----- Data listing

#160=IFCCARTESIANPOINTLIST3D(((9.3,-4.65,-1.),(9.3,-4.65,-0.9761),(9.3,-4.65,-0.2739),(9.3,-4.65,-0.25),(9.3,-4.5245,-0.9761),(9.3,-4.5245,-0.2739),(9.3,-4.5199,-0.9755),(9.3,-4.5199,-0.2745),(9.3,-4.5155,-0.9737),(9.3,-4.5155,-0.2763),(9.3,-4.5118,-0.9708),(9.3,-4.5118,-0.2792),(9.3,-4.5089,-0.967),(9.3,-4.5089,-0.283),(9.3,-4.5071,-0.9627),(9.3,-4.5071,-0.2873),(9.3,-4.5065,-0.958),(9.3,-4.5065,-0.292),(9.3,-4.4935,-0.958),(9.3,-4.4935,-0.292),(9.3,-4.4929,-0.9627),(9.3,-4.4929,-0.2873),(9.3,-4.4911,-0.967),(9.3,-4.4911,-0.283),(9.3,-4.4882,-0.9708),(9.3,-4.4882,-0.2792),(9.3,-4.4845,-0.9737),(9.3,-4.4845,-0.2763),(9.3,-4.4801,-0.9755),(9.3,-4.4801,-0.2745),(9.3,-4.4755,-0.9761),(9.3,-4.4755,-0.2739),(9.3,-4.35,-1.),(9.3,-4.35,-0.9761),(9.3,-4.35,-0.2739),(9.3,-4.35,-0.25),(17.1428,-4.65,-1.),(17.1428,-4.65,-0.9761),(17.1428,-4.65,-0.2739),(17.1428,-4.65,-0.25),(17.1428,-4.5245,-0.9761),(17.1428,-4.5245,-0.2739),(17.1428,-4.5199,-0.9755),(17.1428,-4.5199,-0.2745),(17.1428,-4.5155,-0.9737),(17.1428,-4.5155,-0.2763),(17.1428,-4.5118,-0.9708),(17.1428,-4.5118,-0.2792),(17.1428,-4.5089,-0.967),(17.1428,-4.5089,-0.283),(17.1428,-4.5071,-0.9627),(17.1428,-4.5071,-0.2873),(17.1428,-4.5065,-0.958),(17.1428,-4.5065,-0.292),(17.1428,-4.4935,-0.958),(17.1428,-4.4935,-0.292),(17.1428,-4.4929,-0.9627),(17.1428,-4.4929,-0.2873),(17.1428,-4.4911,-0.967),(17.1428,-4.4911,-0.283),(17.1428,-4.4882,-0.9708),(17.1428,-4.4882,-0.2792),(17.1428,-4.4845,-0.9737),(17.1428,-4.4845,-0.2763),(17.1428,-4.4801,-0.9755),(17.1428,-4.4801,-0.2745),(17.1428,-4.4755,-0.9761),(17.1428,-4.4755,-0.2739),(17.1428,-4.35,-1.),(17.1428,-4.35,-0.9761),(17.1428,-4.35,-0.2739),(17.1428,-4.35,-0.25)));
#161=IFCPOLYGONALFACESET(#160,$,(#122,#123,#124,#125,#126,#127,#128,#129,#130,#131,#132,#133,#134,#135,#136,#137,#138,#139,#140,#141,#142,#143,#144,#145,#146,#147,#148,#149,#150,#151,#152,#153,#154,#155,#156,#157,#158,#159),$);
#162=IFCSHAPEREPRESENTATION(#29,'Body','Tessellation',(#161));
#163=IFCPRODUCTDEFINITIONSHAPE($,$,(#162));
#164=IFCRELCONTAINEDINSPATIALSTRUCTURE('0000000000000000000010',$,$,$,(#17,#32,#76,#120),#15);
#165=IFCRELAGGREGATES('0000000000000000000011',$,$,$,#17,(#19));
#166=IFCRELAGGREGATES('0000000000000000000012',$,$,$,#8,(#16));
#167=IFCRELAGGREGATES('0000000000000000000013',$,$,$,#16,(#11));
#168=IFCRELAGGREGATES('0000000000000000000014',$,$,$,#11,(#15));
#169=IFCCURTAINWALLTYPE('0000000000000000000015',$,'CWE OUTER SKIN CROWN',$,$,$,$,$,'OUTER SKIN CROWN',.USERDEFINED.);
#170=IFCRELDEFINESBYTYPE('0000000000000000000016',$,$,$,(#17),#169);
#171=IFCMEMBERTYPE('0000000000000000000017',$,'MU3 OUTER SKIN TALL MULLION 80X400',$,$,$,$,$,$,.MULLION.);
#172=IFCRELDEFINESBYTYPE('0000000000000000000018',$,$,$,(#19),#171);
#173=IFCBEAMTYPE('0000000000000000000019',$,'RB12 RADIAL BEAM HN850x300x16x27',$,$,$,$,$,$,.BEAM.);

----------

Description of the task |
Check each line above for the string "OUTER" and copy every line that has it.

Finished exercise |
#169=IFCCURTAINWALLTYPE('0000000000000000000015',$,'CWE OUTER SKIN CROWN',$,$,$,$,$,'OUTER SKIN CROWN',.USERDEFINED.);
#171=IFCMEMBERTYPE('0000000000000000000017',$,'MU3 OUTER SKIN TALL MULLION 80X400',$,$,$,$,$,$,.MULLION.);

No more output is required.